Using the listing below, retype exactly the lines starting at the one with "#23=IFCINDEXEDPOLYGONALFACE((3,5,26,24));" and ending at the one with "#37=IFCINDEXEDPOLYGONALFACE((17,19,40,38));", and include both.
___ DATA TO USE ___
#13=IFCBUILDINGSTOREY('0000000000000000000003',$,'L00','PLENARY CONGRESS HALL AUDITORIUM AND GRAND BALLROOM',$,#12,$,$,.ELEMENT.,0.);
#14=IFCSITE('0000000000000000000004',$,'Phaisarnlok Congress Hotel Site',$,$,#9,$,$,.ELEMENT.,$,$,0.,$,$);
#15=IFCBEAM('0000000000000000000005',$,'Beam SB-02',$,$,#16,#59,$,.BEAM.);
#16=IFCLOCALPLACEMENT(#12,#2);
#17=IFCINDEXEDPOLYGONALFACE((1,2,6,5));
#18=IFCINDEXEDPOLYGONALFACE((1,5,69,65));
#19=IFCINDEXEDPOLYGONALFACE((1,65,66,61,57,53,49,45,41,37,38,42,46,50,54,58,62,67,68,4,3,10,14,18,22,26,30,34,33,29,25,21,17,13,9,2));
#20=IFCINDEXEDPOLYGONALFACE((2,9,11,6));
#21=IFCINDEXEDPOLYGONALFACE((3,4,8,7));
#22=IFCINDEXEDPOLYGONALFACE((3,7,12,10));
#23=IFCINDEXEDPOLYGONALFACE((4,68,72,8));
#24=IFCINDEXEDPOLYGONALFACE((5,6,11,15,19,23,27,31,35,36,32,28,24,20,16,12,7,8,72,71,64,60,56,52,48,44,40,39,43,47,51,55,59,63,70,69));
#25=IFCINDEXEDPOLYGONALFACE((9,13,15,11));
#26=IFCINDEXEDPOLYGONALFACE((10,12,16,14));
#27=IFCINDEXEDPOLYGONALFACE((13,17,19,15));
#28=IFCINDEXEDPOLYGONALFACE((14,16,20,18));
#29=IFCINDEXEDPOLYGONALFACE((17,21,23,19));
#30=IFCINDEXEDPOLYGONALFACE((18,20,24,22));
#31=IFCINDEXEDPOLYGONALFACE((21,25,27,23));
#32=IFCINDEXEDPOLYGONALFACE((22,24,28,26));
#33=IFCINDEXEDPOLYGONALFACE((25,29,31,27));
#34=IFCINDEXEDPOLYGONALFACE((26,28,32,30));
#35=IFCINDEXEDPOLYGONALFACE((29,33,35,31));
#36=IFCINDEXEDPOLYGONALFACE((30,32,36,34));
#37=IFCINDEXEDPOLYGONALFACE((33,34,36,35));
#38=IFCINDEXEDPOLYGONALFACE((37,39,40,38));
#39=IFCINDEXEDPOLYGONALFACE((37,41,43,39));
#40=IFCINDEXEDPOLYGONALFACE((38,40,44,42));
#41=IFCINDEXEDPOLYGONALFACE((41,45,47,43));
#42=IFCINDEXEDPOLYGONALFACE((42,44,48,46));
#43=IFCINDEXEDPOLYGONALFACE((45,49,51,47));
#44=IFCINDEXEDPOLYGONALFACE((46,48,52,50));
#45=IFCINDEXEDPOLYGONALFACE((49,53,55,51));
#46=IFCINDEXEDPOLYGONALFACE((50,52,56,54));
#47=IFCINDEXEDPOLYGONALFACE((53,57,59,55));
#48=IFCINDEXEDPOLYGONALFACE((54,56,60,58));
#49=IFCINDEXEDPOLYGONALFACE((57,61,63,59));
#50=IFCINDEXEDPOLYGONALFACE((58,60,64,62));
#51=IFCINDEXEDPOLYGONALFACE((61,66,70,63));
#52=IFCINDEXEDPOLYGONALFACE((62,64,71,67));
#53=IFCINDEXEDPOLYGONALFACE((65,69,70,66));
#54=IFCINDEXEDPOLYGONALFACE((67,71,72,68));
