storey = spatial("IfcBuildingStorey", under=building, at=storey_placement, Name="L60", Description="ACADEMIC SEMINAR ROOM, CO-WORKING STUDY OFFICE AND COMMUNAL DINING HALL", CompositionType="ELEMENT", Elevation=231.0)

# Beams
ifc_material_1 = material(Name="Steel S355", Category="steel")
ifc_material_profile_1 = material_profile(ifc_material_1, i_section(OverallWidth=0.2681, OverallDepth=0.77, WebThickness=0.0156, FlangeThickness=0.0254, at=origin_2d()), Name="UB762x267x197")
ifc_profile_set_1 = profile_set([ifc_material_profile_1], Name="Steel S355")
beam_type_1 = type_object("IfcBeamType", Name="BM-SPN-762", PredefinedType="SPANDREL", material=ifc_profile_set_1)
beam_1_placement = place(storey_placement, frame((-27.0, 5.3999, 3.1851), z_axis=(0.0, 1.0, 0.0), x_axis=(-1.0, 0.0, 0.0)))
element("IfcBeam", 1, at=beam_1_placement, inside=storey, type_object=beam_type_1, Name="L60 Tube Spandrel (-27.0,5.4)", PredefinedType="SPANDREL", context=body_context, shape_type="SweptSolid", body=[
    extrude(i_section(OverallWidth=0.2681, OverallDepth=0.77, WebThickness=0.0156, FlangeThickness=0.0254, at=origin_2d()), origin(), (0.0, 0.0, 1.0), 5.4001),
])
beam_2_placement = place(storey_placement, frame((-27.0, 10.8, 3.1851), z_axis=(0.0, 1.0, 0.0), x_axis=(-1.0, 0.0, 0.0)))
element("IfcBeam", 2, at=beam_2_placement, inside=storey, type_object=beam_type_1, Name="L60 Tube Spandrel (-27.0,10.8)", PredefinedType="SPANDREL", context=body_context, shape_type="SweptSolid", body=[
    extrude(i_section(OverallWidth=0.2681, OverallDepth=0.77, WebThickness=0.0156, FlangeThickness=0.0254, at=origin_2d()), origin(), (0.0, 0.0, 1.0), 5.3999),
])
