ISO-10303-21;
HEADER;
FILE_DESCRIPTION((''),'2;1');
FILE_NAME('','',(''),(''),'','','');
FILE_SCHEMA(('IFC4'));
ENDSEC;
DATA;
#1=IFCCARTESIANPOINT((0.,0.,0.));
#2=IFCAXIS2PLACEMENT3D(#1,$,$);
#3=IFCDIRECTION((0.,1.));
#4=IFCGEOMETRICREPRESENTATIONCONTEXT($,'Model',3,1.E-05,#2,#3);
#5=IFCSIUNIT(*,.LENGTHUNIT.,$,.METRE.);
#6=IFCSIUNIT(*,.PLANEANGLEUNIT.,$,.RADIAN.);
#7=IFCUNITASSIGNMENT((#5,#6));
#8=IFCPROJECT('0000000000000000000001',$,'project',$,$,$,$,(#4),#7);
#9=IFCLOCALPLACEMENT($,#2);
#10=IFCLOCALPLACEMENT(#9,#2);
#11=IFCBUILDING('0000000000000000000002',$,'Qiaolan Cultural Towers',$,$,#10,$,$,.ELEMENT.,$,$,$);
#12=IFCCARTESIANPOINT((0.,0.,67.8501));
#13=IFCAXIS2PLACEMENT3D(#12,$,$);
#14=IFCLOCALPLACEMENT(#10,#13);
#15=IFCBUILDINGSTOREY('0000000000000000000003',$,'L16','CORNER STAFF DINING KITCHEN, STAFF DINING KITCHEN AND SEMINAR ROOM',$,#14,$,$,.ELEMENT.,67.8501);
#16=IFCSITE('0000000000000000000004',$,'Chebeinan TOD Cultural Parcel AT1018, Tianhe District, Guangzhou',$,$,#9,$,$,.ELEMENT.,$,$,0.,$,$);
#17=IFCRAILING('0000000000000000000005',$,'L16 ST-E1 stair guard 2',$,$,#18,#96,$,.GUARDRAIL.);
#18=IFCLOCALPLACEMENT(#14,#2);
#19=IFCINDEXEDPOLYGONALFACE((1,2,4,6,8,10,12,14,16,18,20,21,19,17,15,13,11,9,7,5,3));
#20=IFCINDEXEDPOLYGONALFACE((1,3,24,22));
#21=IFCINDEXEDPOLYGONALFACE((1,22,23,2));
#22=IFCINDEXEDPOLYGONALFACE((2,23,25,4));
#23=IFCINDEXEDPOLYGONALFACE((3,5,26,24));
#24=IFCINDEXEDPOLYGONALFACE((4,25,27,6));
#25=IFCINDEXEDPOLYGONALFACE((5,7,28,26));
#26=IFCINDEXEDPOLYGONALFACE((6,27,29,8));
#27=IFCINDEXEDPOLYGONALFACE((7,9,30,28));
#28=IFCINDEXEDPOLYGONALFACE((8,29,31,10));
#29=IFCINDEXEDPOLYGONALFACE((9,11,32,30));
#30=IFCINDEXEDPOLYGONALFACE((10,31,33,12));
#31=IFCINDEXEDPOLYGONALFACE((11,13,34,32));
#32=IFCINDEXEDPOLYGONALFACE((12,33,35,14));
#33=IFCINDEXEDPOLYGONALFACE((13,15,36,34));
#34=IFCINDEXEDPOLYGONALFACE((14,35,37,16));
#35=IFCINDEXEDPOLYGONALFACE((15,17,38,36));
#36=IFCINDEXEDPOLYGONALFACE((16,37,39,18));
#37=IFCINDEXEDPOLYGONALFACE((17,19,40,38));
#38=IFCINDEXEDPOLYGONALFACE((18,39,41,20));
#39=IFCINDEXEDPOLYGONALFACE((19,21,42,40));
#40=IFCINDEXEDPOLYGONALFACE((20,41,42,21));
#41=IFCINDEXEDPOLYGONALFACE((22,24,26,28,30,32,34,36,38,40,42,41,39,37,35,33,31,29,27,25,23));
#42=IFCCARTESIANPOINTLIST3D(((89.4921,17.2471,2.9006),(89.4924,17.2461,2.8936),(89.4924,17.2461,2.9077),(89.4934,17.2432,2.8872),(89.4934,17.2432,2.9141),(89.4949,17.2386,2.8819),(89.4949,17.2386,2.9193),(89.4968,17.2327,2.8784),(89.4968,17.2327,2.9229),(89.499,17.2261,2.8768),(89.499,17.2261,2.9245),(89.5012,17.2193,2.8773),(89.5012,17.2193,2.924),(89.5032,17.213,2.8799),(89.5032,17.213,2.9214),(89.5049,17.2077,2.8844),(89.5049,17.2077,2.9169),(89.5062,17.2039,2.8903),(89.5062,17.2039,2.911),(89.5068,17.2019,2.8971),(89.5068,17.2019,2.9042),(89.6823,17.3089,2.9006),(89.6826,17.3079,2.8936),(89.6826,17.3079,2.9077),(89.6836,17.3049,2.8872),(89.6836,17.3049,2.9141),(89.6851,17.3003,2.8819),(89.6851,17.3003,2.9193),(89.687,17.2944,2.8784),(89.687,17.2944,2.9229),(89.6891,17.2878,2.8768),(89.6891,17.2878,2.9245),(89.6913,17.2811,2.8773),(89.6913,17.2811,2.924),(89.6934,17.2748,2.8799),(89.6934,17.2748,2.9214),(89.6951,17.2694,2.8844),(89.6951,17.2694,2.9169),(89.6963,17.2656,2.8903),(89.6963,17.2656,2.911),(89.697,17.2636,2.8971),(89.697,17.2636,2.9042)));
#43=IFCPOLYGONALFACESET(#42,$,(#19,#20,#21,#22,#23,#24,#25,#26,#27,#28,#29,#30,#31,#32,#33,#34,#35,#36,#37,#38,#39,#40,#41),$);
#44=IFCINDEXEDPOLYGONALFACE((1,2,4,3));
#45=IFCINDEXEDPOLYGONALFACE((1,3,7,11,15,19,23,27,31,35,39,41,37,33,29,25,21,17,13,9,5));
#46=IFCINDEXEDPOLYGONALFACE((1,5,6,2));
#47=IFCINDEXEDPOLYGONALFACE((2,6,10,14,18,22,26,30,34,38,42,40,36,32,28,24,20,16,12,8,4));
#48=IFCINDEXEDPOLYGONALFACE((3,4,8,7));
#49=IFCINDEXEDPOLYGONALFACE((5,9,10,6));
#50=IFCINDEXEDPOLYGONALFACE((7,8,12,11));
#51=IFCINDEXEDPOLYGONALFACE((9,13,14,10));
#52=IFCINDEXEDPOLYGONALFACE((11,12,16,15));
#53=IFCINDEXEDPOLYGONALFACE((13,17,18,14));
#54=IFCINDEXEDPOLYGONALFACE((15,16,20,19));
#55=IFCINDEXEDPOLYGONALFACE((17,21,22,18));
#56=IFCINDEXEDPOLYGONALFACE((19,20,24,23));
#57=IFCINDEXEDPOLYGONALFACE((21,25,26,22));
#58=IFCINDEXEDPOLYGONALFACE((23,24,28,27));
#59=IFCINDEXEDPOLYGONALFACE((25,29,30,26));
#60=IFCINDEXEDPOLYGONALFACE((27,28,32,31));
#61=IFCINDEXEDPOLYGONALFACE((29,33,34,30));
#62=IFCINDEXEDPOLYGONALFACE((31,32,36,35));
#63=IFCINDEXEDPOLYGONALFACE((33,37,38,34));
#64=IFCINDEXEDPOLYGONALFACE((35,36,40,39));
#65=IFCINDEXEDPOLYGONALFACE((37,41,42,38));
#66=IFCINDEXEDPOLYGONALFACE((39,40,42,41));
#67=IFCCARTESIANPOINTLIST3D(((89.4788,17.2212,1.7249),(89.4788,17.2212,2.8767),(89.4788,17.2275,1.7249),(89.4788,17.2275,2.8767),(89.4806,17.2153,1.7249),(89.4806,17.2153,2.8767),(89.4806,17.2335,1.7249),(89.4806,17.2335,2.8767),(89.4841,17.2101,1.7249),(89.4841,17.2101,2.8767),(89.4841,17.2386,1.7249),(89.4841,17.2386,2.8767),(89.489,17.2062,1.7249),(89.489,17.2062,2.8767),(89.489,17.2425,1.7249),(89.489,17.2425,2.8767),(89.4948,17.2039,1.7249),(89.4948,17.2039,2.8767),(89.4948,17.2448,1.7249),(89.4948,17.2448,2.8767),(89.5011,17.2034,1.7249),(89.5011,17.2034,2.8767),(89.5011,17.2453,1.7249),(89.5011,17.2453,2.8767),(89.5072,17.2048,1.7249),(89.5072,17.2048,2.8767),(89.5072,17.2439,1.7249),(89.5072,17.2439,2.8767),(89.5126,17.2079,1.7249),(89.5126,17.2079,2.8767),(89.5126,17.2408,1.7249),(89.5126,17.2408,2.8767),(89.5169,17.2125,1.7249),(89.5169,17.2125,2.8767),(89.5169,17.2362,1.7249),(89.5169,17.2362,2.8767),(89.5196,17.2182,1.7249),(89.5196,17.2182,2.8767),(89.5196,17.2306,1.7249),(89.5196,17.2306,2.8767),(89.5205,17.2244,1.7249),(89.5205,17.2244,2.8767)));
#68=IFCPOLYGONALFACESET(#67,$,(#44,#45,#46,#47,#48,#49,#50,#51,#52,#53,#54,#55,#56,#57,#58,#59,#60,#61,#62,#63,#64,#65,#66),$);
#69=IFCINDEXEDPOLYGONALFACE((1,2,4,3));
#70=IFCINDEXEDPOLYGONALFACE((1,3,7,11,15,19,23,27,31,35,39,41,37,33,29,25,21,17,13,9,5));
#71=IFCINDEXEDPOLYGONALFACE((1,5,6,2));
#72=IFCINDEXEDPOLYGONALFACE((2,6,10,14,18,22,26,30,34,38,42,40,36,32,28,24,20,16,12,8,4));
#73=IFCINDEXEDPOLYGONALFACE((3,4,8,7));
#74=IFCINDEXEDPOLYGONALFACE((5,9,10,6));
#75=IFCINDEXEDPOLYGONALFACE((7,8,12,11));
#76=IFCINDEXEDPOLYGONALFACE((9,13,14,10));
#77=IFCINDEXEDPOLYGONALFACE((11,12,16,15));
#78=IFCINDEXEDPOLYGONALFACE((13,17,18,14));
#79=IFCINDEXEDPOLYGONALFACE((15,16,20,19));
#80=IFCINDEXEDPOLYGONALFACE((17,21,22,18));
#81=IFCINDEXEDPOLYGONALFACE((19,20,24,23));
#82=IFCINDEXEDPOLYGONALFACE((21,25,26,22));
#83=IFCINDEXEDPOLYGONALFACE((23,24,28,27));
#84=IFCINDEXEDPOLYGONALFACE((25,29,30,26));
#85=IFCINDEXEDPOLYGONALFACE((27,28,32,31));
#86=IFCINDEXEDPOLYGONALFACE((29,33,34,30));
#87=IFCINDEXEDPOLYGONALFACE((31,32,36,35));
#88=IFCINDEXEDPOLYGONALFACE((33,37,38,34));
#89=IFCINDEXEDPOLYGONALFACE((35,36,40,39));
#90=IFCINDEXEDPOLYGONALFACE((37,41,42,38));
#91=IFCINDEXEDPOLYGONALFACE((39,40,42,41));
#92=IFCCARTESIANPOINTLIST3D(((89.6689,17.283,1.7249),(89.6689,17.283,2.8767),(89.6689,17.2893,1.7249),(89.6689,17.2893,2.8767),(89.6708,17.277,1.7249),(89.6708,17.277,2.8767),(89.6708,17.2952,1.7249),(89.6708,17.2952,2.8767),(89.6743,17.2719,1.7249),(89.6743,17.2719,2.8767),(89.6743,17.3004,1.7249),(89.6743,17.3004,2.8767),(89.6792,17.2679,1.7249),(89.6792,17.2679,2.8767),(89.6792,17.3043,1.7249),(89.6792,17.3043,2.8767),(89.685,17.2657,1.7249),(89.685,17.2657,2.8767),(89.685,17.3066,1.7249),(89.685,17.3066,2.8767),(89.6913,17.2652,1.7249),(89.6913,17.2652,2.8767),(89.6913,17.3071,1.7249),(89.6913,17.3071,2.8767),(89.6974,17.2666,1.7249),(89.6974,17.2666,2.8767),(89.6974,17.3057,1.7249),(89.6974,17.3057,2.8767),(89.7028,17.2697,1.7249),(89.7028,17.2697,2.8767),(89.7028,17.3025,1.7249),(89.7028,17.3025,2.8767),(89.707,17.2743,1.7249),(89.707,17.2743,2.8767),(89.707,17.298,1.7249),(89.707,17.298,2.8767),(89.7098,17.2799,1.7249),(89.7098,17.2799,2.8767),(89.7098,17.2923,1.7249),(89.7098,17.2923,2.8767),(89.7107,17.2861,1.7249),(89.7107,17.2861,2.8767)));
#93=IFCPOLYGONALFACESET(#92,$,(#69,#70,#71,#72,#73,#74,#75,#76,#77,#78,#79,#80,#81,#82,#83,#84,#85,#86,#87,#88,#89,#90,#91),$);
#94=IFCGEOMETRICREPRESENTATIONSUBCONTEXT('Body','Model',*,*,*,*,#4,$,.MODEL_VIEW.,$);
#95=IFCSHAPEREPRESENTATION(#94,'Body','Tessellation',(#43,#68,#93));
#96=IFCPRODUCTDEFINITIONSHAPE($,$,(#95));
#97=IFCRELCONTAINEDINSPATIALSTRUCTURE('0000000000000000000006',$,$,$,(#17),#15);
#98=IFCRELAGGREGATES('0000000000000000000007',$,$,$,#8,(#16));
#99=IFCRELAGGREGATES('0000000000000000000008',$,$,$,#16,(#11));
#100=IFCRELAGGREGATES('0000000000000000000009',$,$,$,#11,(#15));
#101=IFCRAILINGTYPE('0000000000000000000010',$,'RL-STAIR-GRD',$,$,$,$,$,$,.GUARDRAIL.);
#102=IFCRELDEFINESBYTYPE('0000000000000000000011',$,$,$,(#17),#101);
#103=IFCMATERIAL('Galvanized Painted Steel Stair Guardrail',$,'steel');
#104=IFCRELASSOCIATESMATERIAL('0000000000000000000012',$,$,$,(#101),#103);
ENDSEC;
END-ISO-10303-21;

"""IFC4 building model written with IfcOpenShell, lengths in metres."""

from ifc_helpers import new_model, si_unit, direction, frame, origin, origin_2d, place, context, subcontext, project, spatial, circle, extrude, material, type_object, element, save


model = new_model("IFC4")

# Units and contexts
model_context = context("Model", 3, precision=1e-05, world=origin(), true_north=direction((0.0, 1.0)))
body_context = subcontext(model_context, "Body", "Model", "MODEL_VIEW")
ifc_project = project(units=[si_unit("LENGTHUNIT", "METRE"), si_unit("PLANEANGLEUNIT", "RADIAN")], contexts=[model_context])

# Site, building, storey
site_placement = place(None, origin())
site = spatial("IfcSite", under=ifc_project, at=site_placement, Name="Chebeinan TOD Cultural Parcel AT1018, Tianhe District, Guangzhou", CompositionType="ELEMENT", RefElevation=0.0)
building_placement = place(site_placement, origin())
building = spatial("IfcBuilding", under=site, at=building_placement, Name="Qiaolan Cultural Towers", CompositionType="ELEMENT")
storey_placement = place(building_placement, frame((0.0, 0.0, 67.8501)))
storey = spatial("IfcBuildingStorey", under=building, at=storey_placement, Name="L16", Description="CORNER STAFF DINING KITCHEN, STAFF DINING KITCHEN AND SEMINAR ROOM", CompositionType="ELEMENT", Elevation=67.8501)

# Railing
ifc_material_1 = material(Name="Galvanized Painted Steel Stair Guardrail", Category="steel")
railing_type_1 = type_object("IfcRailingType", Name="RL-STAIR-GRD", PredefinedType="GUARDRAIL", material=ifc_material_1)
railing_1_placement = place(storey_placement, frame((89.4995, 17.2244, 1.7249)))
element("IfcRailing", 1, at=railing_1_placement, inside=storey, type_object=railing_type_1, Name="L16 ST-E1 stair guard 2", PredefinedType="GUARDRAIL", context=body_context, shape_type="SweptSolid", body=[
    extrude(circle(Radius=0.0239, at=origin_2d()), frame((0.0, 0.0, 1.1758), z_axis=(0.951097, 0.308893, 0.0), x_axis=(-0.308893, 0.951097, 0.0)), (0.0, 0.0, 1.0), 0.2),
    extrude(circle(Radius=0.021, at=origin_2d()), origin(), (0.0, 0.0, 1.0), 1.1519),
    extrude(circle(Radius=0.021, at=origin_2d()), frame((0.1902, 0.0618, 0.0)), (0.0, 0.0, 1.0), 1.1519),
])

save(model, "model.ifc")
___
▶ _SOLUTION BELOW_
#23=IFCINDEXEDPOLYGONALFACE((3,5,26,24));
#24=IFCINDEXEDPOLYGONALFACE((4,25,27,6));
#25=IFCINDEXEDPOLYGONALFACE((5,7,28,26));
#26=IFCINDEXEDPOLYGONALFACE((6,27,29,8));
#27=IFCINDEXEDPOLYGONALFACE((7,9,30,28));
#28=IFCINDEXEDPOLYGONALFACE((8,29,31,10));
#29=IFCINDEXEDPOLYGONALFACE((9,11,32,30));
#30=IFCINDEXEDPOLYGONALFACE((10,31,33,12));
#31=IFCINDEXEDPOLYGONALFACE((11,13,34,32));
#32=IFCINDEXEDPOLYGONALFACE((12,33,35,14));
#33=IFCINDEXEDPOLYGONALFACE((13,15,36,34));
#34=IFCINDEXEDPOLYGONALFACE((14,35,37,16));
#35=IFCINDEXEDPOLYGONALFACE((15,17,38,36));
#36=IFCINDEXEDPOLYGONALFACE((16,37,39,18));
#37=IFCINDEXEDPOLYGONALFACE((17,19,40,38));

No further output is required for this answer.